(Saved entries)

+++++

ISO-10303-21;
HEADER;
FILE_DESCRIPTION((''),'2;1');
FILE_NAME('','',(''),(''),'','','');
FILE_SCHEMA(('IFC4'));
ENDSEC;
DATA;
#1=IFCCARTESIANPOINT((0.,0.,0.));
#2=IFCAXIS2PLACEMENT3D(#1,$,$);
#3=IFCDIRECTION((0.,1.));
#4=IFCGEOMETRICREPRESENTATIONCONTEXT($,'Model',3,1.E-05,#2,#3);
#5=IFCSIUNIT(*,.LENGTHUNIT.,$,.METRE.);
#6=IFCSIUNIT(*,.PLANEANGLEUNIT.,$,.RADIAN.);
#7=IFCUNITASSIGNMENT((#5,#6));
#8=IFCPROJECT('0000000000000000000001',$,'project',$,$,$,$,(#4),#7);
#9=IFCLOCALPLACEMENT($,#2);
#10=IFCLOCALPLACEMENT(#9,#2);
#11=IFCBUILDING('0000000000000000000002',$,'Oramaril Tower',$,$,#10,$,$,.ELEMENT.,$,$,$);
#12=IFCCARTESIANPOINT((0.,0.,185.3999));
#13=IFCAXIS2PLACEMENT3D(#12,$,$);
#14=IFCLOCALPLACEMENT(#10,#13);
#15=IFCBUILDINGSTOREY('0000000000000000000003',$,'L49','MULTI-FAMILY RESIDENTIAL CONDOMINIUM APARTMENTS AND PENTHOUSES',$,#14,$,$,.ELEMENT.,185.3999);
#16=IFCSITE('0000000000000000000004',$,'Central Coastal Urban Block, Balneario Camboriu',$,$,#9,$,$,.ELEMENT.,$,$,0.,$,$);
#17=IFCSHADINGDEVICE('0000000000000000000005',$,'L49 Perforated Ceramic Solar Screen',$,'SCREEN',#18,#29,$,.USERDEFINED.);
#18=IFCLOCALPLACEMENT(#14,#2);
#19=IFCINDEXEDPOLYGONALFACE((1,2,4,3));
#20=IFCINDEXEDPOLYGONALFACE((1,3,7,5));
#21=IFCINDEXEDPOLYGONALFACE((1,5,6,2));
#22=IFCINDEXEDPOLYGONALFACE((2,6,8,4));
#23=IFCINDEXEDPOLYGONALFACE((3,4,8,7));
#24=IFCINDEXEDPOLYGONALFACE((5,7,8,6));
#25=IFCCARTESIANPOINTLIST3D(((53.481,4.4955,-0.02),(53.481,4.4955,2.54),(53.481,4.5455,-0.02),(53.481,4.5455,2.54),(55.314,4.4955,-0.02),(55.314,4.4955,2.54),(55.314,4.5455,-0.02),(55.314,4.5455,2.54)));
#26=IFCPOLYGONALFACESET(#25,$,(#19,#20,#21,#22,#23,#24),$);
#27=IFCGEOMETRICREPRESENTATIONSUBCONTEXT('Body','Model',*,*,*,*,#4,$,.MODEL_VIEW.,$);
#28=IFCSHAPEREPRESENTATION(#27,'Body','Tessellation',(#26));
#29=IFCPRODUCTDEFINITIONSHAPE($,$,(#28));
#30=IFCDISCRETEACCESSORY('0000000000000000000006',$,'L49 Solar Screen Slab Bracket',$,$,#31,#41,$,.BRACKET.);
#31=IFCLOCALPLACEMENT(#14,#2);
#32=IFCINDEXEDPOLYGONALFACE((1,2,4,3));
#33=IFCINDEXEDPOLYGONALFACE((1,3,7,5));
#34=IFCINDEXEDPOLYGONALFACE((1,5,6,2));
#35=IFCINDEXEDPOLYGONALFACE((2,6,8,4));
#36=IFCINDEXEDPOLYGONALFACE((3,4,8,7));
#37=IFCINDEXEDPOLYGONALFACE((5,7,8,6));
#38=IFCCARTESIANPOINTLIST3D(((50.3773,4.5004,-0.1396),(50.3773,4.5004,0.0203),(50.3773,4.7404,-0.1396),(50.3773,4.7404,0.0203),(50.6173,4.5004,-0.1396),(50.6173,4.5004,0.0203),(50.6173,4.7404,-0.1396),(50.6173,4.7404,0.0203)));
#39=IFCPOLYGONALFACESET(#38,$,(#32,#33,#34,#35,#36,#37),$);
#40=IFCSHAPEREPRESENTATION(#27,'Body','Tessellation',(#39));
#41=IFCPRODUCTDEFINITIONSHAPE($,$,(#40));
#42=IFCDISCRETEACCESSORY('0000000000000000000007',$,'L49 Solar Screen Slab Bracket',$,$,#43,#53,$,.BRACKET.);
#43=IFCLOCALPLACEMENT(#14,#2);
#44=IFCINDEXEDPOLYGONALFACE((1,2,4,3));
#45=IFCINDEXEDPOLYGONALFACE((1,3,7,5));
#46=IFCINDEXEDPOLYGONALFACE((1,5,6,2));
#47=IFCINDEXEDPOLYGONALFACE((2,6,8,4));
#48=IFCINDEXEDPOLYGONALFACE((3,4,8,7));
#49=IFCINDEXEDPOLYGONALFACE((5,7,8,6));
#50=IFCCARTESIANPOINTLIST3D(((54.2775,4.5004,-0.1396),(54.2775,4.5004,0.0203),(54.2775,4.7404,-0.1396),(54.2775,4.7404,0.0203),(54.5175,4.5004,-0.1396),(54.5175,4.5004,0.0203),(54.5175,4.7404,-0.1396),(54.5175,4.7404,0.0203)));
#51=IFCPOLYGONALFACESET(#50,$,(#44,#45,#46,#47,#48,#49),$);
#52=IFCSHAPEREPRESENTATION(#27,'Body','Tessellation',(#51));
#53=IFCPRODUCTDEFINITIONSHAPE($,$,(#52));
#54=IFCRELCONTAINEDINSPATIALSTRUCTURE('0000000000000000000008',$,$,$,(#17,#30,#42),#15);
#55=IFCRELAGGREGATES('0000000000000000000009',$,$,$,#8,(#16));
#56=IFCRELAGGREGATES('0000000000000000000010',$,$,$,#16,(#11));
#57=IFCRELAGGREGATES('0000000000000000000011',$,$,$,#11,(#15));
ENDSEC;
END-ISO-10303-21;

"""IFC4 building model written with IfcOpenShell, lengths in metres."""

from ifc_helpers import new_model, si_unit, direction, frame, origin, origin_2d, place, context, subcontext, project, spatial, rectangle, extrude, element, save


model = new_model("IFC4")

# Units and contexts
model_context = context("Model", 3, precision=1e-05, world=origin(), true_north=direction((0.0, 1.0)))
body_context = subcontext(model_context, "Body", "Model", "MODEL_VIEW")
ifc_project = project(units=[si_unit("LENGTHUNIT", "METRE"), si_unit("PLANEANGLEUNIT", "RADIAN")], contexts=[model_context])

# Site, building, storey
site_placement = place(None, origin())
site = spatial("IfcSite", under=ifc_project, at=site_placement, Name="Central Coastal Urban Block, Balneario Camboriu", CompositionType="ELEMENT", RefElevation=0.0)
building_placement = place(site_placement, origin())
building = spatial("IfcBuilding", under=site, at=building_placement, Name="Oramaril Tower", CompositionType="ELEMENT")
storey_placement = place(building_placement, frame((0.0, 0.0, 185.3999)))
storey = spatial("IfcBuildingStorey", under=building, at=storey_placement, Name="L49", Description="MULTI-FAMILY RESIDENTIAL CONDOMINIUM APARTMENTS AND PENTHOUSES", CompositionType="ELEMENT", Elevation=185.3999)

# Shading device
for number, where, z_axis, x_axis, name in (
    (1, (54.3975, 4.5205, -0.02), (0.0, 0.0, 1.0), (1.0, 0.0, 0.0), "L49 Perforated Ceramic Solar Screen"),
):
    element("IfcShadingDevice", number, at=place(storey_placement, frame(where, z_axis=z_axis, x_axis=x_axis)), inside=storey, Name=name, ObjectType="SCREEN", PredefinedType="USERDEFINED", context=body_context, shape_type="SweptSolid", body=[
        extrude(rectangle(XDim=1.833, YDim=0.05, at=origin_2d()), origin(), (0.0, 0.0, 1.0), 2.5601),
    ])

# Discrete accessories
for number, where, z_axis, x_axis, name in (
    (2, (50.4973, 4.6204, -0.1396), (0.0, 0.0, 1.0), (1.0, 0.0, 0.0), "L49 Solar Screen Slab Bracket"),
    (3, (54.3975, 4.6204, -0.1396), (0.0, 0.0, 1.0), (1.0, 0.0, 0.0), "L49 Solar Screen Slab Bracket"),
):
    element("IfcDiscreteAccessory", number, at=place(storey_placement, frame(where, z_axis=z_axis, x_axis=x_axis)), inside=storey, Name=name, PredefinedType="BRACKET", context=body_context, shape_type="SweptSolid", body=[
        extrude(rectangle(XDim=0.24, YDim=0.24, at=origin_2d()), origin(), (0.0, 0.0, 1.0), 0.1599),
    ])

save(model, "model.ifc")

+++++

Check each line of the records for "IFCPRODUCTDEFINITIONSHAPE" and copy the ones that contain it.

#29=IFCPRODUCTDEFINITIONSHAPE($,$,(#28));
#41=IFCPRODUCTDEFINITIONSHAPE($,$,(#40));
#53=IFCPRODUCTDEFINITIONSHAPE($,$,(#52));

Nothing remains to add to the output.